EXERCISE: List each line of the data that holds the word "Tessellation".

(SUPPLIED RECORDS)

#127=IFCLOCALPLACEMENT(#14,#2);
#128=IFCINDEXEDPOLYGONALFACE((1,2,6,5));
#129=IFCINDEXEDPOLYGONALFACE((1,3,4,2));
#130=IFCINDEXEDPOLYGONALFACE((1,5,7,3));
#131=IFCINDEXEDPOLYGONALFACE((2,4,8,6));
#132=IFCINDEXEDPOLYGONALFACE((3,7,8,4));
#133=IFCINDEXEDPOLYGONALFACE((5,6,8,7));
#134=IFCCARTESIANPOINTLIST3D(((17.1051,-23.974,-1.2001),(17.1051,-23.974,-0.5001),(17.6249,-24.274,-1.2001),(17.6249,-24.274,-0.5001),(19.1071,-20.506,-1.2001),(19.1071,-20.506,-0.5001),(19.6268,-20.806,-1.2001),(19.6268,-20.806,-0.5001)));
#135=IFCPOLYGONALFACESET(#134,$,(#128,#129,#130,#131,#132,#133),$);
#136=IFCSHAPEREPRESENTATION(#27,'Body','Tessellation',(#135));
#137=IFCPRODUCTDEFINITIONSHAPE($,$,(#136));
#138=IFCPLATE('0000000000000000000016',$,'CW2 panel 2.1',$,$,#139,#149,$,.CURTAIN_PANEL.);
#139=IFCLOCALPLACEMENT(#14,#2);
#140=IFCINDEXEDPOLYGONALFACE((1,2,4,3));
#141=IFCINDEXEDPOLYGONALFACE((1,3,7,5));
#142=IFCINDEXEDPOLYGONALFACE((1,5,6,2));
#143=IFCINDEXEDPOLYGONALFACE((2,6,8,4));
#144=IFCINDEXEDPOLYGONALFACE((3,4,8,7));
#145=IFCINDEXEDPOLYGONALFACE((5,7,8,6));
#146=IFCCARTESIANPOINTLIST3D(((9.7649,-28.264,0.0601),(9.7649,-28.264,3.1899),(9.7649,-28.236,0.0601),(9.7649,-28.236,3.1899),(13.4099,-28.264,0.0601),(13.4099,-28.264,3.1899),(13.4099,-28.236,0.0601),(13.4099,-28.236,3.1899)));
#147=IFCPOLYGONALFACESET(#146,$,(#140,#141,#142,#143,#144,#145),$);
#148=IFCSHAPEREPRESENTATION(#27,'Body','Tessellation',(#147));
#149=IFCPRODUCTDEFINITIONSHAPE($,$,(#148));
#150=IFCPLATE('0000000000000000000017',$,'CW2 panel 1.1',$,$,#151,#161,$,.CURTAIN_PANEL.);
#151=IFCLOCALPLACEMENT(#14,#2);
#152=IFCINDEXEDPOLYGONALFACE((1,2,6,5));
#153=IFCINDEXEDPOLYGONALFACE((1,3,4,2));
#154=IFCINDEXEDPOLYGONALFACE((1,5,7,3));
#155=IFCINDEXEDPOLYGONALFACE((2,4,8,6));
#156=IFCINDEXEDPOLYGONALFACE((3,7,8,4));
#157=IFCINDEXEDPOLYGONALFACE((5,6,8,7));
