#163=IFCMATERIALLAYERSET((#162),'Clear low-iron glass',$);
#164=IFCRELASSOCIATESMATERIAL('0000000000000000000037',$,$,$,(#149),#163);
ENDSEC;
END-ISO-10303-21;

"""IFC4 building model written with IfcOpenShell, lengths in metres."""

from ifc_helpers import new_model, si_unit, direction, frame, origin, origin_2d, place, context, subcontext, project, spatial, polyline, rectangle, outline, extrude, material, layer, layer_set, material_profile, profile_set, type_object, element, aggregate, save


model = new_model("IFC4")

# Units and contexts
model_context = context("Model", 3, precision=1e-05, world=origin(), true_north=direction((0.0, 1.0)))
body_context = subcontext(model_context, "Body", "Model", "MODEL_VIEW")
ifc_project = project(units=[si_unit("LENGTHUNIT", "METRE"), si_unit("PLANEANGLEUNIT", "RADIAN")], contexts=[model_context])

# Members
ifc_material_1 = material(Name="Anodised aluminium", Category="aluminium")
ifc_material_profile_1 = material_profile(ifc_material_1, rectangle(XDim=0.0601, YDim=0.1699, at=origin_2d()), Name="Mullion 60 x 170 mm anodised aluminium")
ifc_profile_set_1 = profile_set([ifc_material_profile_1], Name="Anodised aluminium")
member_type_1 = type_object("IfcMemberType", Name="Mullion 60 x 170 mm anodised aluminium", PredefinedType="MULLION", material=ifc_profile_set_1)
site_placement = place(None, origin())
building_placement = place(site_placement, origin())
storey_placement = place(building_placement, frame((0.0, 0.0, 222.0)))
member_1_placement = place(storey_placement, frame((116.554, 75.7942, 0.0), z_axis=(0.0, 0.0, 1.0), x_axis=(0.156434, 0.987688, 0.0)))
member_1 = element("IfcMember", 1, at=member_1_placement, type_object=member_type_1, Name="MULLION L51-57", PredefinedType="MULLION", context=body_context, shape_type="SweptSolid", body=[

(End SUPPLIED RECORDS)

EXERCISE RESPONSE:
#136=IFCSHAPEREPRESENTATION(#27,'Body','Tessellation',(#135));
#148=IFCSHAPEREPRESENTATION(#27,'Body','Tessellation',(#147));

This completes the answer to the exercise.